• _Task goal_
Which lines of the data contain the string "Steel"? Copy every one.

• _Provided records_
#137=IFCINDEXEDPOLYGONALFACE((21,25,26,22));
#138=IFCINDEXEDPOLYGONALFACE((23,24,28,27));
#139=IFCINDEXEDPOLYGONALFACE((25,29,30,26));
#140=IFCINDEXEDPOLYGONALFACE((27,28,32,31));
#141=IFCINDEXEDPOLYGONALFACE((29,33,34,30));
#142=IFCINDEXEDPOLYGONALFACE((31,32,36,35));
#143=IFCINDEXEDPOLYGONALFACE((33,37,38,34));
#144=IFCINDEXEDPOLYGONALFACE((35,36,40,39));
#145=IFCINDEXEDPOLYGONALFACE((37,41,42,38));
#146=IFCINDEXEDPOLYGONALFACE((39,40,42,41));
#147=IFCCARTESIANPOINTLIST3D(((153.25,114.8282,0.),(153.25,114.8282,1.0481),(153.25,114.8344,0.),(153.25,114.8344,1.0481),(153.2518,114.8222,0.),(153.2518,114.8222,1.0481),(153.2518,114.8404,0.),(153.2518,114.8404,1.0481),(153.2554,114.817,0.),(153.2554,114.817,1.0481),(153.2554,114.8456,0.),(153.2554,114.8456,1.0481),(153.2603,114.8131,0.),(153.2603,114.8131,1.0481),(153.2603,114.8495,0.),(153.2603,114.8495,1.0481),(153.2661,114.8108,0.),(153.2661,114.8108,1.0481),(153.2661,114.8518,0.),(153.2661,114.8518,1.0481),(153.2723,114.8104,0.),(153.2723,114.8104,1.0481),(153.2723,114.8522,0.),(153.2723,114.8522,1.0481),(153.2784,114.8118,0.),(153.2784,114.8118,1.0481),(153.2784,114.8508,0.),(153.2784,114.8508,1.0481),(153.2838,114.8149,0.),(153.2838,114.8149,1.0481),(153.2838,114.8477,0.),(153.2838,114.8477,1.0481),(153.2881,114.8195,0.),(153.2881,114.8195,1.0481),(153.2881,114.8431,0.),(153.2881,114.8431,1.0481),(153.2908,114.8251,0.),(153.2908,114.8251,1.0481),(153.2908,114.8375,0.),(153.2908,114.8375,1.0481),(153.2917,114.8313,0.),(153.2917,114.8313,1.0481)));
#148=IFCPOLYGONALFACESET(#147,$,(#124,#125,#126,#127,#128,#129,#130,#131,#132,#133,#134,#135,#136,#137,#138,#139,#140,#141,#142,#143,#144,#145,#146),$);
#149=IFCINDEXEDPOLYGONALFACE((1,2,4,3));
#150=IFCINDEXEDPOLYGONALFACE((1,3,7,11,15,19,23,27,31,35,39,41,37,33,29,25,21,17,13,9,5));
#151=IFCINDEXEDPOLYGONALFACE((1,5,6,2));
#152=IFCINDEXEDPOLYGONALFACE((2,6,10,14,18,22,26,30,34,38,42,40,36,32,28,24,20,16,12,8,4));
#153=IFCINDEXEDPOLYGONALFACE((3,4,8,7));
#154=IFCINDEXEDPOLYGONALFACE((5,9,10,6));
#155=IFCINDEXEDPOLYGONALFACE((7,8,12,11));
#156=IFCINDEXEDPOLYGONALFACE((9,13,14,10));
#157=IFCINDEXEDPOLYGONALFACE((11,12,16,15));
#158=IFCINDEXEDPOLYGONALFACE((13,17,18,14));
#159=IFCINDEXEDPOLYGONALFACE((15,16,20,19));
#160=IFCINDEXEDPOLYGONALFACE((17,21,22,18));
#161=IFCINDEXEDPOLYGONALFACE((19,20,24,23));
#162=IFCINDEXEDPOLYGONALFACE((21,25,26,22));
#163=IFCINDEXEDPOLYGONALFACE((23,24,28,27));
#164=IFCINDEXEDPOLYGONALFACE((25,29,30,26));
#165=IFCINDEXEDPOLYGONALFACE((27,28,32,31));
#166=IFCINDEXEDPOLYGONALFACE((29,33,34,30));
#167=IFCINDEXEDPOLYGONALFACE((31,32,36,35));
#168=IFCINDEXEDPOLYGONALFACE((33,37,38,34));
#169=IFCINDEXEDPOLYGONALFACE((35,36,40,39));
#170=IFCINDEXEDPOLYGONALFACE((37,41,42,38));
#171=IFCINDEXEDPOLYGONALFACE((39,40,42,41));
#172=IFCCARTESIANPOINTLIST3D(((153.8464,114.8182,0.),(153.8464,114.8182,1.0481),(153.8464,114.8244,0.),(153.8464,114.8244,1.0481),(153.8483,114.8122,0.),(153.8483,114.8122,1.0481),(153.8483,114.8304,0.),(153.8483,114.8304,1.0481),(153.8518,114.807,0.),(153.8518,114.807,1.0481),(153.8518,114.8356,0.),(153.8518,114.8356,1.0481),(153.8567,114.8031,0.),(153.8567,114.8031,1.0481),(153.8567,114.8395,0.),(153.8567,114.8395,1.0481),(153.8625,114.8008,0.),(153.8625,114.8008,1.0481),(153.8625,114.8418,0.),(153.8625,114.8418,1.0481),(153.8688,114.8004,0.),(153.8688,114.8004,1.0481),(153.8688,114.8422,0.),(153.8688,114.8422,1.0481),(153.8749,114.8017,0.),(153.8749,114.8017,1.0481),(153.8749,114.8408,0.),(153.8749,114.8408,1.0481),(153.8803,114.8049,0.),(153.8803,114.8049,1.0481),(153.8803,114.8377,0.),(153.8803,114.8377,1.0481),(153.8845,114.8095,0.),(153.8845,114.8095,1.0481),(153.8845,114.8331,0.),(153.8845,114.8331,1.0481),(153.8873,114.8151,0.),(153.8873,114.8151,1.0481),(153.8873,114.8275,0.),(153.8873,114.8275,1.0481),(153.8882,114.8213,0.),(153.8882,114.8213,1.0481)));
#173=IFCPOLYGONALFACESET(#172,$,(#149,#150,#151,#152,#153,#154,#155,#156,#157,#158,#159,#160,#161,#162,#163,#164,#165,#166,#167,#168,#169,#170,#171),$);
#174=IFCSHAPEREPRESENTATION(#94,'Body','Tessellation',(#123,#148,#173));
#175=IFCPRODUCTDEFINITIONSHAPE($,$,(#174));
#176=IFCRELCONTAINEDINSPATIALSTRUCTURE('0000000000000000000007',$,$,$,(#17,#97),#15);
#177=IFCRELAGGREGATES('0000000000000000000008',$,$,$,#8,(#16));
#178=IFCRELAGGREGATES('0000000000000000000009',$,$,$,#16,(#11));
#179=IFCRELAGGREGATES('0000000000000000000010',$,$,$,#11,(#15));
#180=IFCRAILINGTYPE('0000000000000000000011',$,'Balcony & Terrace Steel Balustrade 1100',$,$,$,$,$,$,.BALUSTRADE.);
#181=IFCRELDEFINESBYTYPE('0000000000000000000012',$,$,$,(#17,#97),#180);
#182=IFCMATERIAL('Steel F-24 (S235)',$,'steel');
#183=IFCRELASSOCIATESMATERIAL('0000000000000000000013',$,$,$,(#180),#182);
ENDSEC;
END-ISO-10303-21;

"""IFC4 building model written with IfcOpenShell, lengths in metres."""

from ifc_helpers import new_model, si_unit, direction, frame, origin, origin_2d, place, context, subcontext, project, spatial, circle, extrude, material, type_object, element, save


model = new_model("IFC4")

• _Result of the exercise_
#180=IFCRAILINGTYPE('0000000000000000000011',$,'Balcony & Terrace Steel Balustrade 1100',$,$,$,$,$,$,.BALUSTRADE.);
#182=IFCMATERIAL('Steel F-24 (S235)',$,'steel');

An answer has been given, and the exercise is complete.